* _Try it_
Your output should be the lines of the data that follow, reproduced exactly from the first through the line bearing "#101=IFCINDEXEDPOLYGONALFACE((67,71,72,68));".

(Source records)
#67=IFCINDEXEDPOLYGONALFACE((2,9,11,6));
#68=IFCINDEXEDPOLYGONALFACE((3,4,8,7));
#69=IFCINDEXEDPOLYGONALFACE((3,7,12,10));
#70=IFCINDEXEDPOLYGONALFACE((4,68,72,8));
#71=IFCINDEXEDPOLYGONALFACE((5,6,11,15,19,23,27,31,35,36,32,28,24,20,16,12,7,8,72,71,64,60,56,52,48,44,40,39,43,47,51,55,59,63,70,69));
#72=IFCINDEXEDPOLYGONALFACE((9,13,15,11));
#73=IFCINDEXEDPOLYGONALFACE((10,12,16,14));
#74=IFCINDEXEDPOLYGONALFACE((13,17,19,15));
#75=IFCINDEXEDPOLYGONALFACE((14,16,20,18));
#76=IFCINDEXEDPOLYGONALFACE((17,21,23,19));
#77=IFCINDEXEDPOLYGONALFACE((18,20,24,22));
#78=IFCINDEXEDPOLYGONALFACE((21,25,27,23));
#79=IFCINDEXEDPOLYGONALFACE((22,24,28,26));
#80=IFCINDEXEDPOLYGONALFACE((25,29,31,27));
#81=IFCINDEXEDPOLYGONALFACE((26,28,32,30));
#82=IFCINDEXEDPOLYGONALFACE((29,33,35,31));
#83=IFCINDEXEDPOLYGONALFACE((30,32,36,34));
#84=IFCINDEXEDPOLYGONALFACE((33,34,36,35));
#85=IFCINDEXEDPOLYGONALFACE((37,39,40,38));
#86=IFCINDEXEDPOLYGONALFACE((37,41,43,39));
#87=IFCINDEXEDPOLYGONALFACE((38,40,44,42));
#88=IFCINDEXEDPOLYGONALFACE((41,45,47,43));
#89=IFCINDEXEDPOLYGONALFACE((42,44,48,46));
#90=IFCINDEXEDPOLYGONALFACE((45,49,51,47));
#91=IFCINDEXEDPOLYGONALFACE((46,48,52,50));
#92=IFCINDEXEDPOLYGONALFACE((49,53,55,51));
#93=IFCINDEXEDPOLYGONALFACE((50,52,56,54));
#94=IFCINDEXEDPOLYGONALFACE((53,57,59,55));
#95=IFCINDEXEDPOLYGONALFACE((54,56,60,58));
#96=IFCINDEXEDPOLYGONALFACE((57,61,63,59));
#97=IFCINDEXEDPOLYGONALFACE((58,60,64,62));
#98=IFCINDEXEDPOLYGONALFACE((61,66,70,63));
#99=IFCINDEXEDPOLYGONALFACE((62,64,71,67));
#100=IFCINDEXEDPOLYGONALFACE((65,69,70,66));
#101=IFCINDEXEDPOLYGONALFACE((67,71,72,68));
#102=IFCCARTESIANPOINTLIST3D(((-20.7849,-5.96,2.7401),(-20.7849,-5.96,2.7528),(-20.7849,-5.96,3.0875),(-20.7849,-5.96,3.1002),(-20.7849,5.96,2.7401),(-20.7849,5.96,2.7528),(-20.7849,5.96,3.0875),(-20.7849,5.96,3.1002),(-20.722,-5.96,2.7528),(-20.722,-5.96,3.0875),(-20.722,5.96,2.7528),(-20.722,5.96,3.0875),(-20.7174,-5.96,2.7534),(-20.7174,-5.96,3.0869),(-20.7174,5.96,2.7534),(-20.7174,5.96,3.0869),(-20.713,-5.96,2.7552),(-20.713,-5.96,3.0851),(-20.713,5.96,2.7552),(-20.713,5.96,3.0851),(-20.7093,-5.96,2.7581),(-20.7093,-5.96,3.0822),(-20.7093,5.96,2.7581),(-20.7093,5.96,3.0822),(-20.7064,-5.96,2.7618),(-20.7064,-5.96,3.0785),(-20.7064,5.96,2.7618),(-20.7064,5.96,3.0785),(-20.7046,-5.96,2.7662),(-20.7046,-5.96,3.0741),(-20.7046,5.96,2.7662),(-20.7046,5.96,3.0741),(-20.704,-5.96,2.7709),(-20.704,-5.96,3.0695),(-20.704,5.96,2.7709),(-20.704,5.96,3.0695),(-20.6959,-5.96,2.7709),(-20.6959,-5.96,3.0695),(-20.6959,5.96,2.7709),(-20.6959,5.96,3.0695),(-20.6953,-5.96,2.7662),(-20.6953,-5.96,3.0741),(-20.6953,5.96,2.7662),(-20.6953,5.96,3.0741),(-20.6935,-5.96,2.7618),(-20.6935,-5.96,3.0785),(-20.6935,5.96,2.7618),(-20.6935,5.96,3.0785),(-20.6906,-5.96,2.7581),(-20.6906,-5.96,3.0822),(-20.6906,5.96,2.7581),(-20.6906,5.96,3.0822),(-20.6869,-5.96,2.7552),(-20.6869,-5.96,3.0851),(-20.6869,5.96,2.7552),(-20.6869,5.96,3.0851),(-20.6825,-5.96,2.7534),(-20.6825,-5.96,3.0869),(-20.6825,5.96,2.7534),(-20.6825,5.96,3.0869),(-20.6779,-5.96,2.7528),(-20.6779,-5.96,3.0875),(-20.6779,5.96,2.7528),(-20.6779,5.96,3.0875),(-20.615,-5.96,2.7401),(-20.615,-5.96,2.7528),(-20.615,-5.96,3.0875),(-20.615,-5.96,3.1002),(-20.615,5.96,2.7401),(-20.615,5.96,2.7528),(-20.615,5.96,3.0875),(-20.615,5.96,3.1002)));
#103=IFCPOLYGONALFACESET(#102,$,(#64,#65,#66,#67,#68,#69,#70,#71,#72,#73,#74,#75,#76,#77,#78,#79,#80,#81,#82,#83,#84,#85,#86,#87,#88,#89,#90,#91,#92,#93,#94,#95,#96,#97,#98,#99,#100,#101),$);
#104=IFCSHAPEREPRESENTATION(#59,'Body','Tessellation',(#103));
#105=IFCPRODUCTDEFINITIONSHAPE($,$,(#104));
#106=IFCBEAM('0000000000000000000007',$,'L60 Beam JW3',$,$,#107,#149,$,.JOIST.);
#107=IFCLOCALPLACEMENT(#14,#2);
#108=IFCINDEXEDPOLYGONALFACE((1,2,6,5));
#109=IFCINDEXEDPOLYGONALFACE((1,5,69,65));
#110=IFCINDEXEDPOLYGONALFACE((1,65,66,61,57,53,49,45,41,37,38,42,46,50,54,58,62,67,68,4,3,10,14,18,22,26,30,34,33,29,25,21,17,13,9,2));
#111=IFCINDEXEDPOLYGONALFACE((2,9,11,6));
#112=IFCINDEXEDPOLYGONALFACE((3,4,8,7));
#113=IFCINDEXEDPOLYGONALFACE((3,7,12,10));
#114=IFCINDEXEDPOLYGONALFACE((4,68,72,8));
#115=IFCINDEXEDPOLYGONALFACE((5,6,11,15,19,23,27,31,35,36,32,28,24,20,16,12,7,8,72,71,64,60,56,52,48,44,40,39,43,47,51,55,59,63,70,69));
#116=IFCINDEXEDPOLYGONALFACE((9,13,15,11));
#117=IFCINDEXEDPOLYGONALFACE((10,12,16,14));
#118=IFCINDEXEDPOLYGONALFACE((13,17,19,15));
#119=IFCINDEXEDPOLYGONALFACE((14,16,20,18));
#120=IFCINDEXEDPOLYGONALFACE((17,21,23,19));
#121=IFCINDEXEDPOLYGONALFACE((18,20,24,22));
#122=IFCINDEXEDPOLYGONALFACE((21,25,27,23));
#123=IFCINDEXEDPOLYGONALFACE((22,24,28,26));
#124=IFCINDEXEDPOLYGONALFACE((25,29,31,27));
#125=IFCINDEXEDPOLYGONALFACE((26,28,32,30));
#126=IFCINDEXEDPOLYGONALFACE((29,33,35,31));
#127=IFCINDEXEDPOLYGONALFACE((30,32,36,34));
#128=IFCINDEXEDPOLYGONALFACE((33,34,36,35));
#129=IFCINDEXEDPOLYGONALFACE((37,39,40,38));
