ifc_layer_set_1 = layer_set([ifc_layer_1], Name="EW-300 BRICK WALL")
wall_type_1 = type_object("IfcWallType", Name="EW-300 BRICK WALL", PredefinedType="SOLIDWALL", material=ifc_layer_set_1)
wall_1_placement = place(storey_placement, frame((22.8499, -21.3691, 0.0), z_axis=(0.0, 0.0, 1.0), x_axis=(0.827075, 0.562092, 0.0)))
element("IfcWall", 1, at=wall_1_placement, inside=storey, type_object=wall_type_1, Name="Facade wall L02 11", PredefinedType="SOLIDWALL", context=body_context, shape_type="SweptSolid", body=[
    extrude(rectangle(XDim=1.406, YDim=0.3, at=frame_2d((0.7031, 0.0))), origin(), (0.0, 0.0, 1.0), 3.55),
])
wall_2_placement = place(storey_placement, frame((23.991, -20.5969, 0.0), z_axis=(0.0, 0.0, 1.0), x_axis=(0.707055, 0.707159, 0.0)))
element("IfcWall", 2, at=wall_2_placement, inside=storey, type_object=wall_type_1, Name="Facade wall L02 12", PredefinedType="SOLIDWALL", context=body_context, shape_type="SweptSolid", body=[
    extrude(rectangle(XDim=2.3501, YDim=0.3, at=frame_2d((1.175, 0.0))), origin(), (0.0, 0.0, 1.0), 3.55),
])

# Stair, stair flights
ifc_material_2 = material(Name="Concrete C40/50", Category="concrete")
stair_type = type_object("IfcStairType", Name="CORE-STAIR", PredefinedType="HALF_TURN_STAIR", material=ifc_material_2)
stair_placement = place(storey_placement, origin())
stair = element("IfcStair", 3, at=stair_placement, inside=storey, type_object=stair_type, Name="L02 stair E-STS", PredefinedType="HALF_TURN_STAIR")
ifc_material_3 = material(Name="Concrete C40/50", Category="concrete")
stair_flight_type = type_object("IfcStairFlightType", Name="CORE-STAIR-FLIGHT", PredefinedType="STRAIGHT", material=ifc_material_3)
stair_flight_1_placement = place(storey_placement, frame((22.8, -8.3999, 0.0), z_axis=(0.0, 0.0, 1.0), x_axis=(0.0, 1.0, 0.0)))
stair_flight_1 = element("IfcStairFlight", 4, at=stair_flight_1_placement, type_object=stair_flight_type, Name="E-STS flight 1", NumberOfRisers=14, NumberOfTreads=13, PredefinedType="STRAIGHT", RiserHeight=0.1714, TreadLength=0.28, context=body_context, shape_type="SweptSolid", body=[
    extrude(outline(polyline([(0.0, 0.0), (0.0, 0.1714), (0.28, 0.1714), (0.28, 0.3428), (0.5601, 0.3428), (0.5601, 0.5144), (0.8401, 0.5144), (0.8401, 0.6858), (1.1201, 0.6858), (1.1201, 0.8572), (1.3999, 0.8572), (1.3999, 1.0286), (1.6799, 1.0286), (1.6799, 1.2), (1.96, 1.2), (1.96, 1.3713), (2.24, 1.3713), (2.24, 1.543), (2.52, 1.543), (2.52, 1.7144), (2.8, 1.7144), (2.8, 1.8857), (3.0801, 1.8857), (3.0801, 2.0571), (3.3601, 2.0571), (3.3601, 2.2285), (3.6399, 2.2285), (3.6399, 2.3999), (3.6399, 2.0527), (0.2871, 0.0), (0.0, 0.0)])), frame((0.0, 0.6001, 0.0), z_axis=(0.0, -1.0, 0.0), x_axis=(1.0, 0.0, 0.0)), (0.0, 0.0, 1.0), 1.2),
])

* _Response below_
#67=IFCINDEXEDPOLYGONALFACE((2,9,11,6));
#68=IFCINDEXEDPOLYGONALFACE((3,4,8,7));
#69=IFCINDEXEDPOLYGONALFACE((3,7,12,10));
#70=IFCINDEXEDPOLYGONALFACE((4,68,72,8));
#71=IFCINDEXEDPOLYGONALFACE((5,6,11,15,19,23,27,31,35,36,32,28,24,20,16,12,7,8,72,71,64,60,56,52,48,44,40,39,43,47,51,55,59,63,70,69));
#72=IFCINDEXEDPOLYGONALFACE((9,13,15,11));
#73=IFCINDEXEDPOLYGONALFACE((10,12,16,14));
#74=IFCINDEXEDPOLYGONALFACE((13,17,19,15));
#75=IFCINDEXEDPOLYGONALFACE((14,16,20,18));
#76=IFCINDEXEDPOLYGONALFACE((17,21,23,19));
#77=IFCINDEXEDPOLYGONALFACE((18,20,24,22));
#78=IFCINDEXEDPOLYGONALFACE((21,25,27,23));
#79=IFCINDEXEDPOLYGONALFACE((22,24,28,26));
#80=IFCINDEXEDPOLYGONALFACE((25,29,31,27));
#81=IFCINDEXEDPOLYGONALFACE((26,28,32,30));
#82=IFCINDEXEDPOLYGONALFACE((29,33,35,31));
#83=IFCINDEXEDPOLYGONALFACE((30,32,36,34));
#84=IFCINDEXEDPOLYGONALFACE((33,34,36,35));
#85=IFCINDEXEDPOLYGONALFACE((37,39,40,38));
#86=IFCINDEXEDPOLYGONALFACE((37,41,43,39));
#87=IFCINDEXEDPOLYGONALFACE((38,40,44,42));
#88=IFCINDEXEDPOLYGONALFACE((41,45,47,43));
#89=IFCINDEXEDPOLYGONALFACE((42,44,48,46));
#90=IFCINDEXEDPOLYGONALFACE((45,49,51,47));
#91=IFCINDEXEDPOLYGONALFACE((46,48,52,50));
#92=IFCINDEXEDPOLYGONALFACE((49,53,55,51));
#93=IFCINDEXEDPOLYGONALFACE((50,52,56,54));
#94=IFCINDEXEDPOLYGONALFACE((53,57,59,55));
#95=IFCINDEXEDPOLYGONALFACE((54,56,60,58));
#96=IFCINDEXEDPOLYGONALFACE((57,61,63,59));
#97=IFCINDEXEDPOLYGONALFACE((58,60,64,62));
#98=IFCINDEXEDPOLYGONALFACE((61,66,70,63));
#99=IFCINDEXEDPOLYGONALFACE((62,64,71,67));
#100=IFCINDEXEDPOLYGONALFACE((65,69,70,66));
#101=IFCINDEXEDPOLYGONALFACE((67,71,72,68));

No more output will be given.